- _Assignment_: Would you reproduce exactly the lines below from the one holding "#28=IFCINDEXEDPOLYGONALFACE((13,14,22,21));" through the one holding "#34=IFCINDEXEDPOLYGONALFACE((23,24,26,25));", inclusive, and no others?

- _Exercise material_:

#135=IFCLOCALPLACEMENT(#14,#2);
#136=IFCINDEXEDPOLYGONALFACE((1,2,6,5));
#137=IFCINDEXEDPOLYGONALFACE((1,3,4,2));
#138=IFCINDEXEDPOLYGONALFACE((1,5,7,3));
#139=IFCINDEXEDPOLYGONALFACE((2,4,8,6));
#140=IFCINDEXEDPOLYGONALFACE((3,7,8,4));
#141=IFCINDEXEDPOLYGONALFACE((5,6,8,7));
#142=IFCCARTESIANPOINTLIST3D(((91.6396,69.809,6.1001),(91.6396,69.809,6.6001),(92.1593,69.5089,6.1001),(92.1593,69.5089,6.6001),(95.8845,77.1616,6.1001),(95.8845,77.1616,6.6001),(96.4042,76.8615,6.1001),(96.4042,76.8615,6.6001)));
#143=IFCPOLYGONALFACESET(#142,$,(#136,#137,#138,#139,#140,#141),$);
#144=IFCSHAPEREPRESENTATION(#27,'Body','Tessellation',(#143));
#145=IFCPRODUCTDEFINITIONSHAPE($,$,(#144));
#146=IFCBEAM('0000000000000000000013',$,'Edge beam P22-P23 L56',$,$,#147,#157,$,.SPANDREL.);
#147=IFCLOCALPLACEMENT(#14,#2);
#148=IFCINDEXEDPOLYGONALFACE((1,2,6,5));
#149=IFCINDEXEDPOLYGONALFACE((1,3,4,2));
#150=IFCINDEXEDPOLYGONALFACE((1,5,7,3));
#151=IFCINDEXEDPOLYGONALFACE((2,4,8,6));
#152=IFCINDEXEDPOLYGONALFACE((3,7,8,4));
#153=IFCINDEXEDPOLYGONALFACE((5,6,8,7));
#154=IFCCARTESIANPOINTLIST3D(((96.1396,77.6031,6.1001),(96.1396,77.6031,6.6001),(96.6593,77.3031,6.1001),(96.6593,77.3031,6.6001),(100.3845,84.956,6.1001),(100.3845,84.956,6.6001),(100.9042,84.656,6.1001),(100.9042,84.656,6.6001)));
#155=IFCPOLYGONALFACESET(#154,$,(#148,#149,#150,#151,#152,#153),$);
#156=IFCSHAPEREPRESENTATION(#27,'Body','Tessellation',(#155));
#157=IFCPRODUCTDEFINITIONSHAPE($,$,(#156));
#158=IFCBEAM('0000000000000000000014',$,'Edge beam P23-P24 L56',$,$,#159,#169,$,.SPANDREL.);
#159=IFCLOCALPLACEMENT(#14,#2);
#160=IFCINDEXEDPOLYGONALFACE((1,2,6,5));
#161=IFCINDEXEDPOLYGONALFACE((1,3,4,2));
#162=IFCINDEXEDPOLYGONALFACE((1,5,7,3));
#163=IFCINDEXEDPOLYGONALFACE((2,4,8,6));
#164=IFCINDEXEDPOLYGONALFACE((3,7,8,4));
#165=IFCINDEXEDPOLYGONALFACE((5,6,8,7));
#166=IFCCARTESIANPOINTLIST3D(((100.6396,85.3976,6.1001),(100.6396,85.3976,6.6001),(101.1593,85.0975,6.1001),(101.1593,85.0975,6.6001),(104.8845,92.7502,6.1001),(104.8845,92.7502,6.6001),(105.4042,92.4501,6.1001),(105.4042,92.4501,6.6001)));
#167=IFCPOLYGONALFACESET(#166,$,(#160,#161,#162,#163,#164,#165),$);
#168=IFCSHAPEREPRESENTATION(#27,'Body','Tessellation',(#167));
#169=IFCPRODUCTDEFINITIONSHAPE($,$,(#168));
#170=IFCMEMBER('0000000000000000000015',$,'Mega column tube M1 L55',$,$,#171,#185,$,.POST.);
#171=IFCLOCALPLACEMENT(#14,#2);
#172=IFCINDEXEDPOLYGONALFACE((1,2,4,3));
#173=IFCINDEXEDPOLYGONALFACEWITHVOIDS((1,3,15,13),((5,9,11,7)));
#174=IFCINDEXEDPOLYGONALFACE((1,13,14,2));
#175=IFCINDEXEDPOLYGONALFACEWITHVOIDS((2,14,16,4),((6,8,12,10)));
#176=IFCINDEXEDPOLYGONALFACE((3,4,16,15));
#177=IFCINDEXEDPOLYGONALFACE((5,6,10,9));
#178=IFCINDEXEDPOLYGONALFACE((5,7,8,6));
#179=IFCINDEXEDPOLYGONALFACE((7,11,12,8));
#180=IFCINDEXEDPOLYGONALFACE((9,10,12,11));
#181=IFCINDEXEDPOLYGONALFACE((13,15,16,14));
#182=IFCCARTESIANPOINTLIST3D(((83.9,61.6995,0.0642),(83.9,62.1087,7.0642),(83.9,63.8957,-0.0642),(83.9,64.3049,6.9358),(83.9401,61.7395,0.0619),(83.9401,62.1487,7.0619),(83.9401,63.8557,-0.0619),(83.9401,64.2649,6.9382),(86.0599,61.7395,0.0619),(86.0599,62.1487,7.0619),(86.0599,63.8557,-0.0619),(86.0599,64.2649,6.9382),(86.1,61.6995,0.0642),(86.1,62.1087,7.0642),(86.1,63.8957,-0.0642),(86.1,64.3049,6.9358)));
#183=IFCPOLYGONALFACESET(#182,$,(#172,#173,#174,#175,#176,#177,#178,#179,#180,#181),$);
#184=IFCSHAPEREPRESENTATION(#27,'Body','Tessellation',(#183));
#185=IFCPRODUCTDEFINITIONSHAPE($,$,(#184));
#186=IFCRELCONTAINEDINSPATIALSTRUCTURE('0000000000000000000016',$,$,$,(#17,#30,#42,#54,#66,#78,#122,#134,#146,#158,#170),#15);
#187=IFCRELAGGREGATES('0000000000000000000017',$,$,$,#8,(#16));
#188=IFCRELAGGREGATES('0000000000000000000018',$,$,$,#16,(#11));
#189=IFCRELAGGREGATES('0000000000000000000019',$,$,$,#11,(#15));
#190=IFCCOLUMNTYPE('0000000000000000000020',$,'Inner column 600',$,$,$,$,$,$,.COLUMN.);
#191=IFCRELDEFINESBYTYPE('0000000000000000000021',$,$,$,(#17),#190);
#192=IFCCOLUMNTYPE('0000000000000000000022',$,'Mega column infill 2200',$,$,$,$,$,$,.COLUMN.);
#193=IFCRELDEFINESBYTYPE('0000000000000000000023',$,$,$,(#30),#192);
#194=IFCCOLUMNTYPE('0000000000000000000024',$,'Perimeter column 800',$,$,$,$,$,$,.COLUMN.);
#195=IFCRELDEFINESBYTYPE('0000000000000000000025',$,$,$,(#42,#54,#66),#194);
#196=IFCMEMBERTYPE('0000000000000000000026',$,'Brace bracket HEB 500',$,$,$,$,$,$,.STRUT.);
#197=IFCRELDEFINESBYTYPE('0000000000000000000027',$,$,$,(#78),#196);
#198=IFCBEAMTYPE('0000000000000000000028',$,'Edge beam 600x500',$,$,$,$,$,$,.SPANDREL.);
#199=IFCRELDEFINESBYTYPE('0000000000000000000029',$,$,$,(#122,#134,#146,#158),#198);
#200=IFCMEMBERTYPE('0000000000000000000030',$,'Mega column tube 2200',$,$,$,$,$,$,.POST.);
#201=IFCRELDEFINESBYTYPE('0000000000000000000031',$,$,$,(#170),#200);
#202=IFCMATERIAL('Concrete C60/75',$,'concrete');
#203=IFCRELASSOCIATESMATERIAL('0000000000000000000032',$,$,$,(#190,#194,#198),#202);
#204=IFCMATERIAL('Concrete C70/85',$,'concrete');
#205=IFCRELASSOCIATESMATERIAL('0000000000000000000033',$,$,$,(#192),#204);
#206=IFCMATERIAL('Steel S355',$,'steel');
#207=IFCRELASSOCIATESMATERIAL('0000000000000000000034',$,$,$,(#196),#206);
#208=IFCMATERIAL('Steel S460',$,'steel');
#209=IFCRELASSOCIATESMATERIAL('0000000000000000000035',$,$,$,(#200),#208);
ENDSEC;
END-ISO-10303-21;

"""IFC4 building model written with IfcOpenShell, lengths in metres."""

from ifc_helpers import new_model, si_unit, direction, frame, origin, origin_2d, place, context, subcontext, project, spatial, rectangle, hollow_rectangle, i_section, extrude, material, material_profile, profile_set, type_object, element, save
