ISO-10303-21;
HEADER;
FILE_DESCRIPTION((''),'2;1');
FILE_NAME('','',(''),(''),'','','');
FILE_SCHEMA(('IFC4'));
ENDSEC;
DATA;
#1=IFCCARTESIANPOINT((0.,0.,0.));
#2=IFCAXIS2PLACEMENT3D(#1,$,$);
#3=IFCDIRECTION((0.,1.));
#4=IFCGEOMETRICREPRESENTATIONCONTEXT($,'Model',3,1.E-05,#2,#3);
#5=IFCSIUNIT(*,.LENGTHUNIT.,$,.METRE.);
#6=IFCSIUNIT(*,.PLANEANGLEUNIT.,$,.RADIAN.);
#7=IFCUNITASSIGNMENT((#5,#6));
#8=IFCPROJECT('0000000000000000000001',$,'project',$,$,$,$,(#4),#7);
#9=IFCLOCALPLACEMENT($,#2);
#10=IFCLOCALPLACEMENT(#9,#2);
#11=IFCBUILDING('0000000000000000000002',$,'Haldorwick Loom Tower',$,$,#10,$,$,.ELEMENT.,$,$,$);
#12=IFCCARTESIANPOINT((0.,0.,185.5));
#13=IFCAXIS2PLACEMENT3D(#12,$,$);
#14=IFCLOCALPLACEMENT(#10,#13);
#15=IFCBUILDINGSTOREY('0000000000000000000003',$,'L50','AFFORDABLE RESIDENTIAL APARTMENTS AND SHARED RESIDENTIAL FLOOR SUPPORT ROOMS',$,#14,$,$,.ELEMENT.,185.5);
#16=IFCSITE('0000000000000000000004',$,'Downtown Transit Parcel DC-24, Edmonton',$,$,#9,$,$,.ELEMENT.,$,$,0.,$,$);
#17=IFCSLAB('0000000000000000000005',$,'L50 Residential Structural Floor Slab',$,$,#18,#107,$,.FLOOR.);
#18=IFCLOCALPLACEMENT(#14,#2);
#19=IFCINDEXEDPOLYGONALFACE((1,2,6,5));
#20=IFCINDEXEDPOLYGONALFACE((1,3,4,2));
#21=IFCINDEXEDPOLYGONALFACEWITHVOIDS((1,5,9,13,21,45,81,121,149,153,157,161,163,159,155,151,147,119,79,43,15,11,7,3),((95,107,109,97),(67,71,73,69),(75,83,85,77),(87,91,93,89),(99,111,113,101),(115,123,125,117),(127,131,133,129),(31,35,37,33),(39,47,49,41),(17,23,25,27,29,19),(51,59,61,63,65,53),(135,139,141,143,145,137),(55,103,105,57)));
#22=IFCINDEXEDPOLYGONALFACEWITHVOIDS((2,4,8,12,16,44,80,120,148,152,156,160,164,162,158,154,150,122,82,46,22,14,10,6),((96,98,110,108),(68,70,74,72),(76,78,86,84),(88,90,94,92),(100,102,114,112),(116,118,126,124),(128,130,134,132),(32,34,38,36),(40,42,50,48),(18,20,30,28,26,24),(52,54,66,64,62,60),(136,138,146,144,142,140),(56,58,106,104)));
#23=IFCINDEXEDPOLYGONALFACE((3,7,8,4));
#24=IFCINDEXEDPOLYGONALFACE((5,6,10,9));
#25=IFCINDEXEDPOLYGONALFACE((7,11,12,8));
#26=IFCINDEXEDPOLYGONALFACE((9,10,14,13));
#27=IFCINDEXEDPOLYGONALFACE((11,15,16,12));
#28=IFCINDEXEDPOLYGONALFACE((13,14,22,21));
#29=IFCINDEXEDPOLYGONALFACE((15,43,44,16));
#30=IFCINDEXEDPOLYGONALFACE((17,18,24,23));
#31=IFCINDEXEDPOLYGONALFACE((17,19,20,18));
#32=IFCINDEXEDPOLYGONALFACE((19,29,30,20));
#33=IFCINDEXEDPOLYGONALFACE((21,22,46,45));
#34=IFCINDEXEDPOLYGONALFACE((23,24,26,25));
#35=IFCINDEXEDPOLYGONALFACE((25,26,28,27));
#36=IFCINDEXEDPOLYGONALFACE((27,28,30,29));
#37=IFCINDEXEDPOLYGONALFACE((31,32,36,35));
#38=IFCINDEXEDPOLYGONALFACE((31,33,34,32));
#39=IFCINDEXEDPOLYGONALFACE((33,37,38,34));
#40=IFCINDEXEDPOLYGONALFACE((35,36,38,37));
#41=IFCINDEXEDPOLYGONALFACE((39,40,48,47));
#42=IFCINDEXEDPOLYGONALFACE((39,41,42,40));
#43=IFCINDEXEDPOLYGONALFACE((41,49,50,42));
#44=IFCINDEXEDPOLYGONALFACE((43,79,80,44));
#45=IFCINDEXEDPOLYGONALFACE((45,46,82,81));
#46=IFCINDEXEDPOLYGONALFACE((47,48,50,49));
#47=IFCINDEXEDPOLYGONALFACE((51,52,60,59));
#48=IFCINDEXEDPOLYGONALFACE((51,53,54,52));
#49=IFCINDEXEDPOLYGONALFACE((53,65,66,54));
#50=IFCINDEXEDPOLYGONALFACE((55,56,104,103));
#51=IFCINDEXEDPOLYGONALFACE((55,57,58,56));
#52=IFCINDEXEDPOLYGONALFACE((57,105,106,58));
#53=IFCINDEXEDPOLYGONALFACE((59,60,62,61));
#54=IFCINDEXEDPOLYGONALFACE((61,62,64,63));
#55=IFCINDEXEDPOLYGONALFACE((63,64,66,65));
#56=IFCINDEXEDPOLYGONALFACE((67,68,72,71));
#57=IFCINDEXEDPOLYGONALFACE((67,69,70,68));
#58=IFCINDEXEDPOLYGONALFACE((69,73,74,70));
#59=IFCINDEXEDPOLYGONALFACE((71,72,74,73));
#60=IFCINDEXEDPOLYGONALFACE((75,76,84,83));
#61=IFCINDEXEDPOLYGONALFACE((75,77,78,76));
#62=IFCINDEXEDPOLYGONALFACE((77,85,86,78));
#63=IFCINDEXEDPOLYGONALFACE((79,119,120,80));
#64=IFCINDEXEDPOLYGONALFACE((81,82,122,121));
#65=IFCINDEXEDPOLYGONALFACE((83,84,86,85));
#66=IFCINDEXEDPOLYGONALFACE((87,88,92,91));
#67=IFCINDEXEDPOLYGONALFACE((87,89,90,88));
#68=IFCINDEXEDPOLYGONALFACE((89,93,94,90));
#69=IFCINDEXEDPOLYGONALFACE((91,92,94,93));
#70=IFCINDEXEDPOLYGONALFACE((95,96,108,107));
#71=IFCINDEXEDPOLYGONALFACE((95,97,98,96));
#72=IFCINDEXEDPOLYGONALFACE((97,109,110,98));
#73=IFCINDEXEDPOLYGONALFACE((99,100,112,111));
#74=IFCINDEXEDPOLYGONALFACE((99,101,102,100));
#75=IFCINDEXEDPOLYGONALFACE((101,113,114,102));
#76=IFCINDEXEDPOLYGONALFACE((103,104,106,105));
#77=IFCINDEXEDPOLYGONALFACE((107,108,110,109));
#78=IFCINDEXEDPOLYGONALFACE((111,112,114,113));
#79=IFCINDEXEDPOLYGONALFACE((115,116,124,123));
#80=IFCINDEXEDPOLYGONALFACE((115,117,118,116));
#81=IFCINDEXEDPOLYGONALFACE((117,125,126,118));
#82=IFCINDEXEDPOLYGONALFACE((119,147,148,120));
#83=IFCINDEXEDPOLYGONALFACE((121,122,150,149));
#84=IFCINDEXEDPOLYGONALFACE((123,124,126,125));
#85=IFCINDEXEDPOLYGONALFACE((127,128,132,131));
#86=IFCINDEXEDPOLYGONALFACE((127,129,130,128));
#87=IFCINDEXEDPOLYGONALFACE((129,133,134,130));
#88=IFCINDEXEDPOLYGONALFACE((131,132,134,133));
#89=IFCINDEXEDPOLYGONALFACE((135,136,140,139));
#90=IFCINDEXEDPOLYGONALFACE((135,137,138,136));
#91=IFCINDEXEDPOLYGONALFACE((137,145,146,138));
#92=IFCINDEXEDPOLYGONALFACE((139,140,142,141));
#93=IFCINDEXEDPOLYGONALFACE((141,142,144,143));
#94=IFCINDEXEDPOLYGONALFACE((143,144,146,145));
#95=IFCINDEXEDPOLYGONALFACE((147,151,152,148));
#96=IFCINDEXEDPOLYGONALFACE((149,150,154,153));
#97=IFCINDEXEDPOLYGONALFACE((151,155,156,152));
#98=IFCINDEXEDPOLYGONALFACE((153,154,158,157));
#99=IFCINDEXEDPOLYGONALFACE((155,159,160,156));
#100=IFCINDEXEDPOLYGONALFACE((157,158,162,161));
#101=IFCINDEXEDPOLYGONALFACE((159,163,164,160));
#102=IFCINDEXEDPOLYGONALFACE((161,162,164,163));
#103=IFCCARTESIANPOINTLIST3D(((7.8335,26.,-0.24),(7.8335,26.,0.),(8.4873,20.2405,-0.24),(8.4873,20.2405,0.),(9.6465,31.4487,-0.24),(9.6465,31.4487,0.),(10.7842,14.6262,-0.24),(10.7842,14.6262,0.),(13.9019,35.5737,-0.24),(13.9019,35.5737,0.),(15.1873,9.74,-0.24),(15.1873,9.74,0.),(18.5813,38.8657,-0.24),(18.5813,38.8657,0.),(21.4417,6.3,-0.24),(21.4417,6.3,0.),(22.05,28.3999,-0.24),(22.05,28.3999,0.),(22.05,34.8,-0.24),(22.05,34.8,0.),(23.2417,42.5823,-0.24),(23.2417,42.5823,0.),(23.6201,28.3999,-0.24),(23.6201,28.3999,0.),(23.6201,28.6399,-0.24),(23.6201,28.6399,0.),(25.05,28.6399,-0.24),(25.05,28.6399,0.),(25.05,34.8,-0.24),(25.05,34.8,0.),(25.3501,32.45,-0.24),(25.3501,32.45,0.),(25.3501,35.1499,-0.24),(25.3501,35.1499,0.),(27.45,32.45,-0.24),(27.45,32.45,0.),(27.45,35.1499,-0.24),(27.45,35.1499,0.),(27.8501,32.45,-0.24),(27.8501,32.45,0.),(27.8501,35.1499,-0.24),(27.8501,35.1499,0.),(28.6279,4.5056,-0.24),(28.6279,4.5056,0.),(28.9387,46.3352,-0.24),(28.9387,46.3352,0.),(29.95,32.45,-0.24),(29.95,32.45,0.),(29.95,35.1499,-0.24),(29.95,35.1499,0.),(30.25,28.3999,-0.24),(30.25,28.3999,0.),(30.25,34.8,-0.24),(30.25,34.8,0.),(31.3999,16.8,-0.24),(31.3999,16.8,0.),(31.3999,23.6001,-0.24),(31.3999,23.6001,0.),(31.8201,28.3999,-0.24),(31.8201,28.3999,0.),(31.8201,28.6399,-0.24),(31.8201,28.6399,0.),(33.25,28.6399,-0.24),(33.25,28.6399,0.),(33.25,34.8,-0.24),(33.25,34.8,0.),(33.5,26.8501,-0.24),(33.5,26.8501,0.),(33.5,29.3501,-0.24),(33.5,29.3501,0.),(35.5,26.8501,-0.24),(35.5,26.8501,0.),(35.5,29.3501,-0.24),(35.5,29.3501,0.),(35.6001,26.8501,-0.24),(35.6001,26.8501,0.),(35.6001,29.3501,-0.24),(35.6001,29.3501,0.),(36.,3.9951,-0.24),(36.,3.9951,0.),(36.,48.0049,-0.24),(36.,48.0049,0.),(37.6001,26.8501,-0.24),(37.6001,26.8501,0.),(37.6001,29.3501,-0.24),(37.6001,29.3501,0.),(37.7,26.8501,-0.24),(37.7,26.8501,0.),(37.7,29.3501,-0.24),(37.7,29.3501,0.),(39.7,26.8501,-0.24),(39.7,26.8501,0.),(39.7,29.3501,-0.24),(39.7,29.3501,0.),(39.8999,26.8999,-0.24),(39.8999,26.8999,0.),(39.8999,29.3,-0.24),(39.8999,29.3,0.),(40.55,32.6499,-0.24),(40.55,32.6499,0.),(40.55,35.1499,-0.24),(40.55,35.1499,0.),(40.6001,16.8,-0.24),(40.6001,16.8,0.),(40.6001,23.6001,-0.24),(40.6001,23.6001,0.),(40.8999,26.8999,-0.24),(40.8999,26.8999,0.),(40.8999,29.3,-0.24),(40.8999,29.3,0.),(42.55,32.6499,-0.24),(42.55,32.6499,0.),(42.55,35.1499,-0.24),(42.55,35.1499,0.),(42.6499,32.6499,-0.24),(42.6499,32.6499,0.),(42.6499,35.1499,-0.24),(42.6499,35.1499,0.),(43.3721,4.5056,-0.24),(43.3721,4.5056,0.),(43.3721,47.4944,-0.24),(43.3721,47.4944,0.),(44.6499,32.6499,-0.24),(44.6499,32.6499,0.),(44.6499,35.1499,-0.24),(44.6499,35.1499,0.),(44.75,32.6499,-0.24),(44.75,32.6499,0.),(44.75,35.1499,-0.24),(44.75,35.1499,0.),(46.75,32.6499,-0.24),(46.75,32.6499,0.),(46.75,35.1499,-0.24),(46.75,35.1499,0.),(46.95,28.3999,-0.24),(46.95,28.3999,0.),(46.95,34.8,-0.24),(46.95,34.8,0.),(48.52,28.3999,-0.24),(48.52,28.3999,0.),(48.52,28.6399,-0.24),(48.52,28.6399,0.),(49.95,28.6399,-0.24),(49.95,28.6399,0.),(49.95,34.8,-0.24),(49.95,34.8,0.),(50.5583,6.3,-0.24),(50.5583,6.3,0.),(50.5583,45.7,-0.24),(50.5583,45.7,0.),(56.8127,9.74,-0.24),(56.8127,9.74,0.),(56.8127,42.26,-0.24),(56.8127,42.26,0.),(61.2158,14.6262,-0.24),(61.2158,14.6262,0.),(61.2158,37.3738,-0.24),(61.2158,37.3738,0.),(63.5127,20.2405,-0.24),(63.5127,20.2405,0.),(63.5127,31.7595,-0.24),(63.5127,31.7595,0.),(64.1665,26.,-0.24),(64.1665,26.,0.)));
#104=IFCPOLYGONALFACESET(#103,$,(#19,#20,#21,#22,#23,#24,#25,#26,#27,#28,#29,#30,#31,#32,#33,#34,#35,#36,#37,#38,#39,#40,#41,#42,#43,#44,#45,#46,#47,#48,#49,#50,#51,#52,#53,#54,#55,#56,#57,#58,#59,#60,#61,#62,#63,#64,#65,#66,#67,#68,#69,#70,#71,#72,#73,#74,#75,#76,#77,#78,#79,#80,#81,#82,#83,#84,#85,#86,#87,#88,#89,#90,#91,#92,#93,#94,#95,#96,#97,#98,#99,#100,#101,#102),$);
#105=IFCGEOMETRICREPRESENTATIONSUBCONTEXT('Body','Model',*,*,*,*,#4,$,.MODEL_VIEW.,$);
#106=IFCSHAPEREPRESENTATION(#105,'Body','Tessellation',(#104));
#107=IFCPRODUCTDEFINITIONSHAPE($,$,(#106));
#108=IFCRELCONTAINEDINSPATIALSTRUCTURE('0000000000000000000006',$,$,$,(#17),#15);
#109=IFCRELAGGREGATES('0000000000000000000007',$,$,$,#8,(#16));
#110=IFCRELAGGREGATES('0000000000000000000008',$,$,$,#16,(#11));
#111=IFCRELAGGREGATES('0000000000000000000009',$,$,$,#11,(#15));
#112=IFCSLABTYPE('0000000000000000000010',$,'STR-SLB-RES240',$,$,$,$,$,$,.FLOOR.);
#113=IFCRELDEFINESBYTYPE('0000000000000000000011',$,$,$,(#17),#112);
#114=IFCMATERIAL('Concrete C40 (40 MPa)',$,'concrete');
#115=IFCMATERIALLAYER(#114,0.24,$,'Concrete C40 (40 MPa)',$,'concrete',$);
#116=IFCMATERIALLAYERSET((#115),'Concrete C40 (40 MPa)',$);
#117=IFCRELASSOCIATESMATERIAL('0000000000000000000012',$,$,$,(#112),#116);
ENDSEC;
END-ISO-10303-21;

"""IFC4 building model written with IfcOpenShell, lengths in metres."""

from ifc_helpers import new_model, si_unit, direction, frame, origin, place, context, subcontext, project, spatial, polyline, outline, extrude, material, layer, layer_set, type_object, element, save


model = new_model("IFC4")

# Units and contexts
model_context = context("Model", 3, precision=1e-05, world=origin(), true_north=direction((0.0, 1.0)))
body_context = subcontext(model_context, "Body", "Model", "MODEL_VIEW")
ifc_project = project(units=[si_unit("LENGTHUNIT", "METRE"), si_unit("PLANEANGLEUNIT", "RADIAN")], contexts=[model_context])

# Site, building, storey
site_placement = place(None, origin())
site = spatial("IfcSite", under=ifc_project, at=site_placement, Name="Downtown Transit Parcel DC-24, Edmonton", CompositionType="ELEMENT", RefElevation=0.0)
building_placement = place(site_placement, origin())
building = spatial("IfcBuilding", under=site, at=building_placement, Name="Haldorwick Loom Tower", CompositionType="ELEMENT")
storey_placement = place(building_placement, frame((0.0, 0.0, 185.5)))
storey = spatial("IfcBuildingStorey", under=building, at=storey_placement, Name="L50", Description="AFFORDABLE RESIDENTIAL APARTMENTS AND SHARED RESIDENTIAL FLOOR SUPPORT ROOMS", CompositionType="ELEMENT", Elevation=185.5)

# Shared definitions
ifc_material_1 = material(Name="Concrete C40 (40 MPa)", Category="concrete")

- _Solution_:
#28=IFCINDEXEDPOLYGONALFACE((13,14,22,21));
#29=IFCINDEXEDPOLYGONALFACE((15,43,44,16));
#30=IFCINDEXEDPOLYGONALFACE((17,18,24,23));
#31=IFCINDEXEDPOLYGONALFACE((17,19,20,18));
#32=IFCINDEXEDPOLYGONALFACE((19,29,30,20));
#33=IFCINDEXEDPOLYGONALFACE((21,22,46,45));
#34=IFCINDEXEDPOLYGONALFACE((23,24,26,25));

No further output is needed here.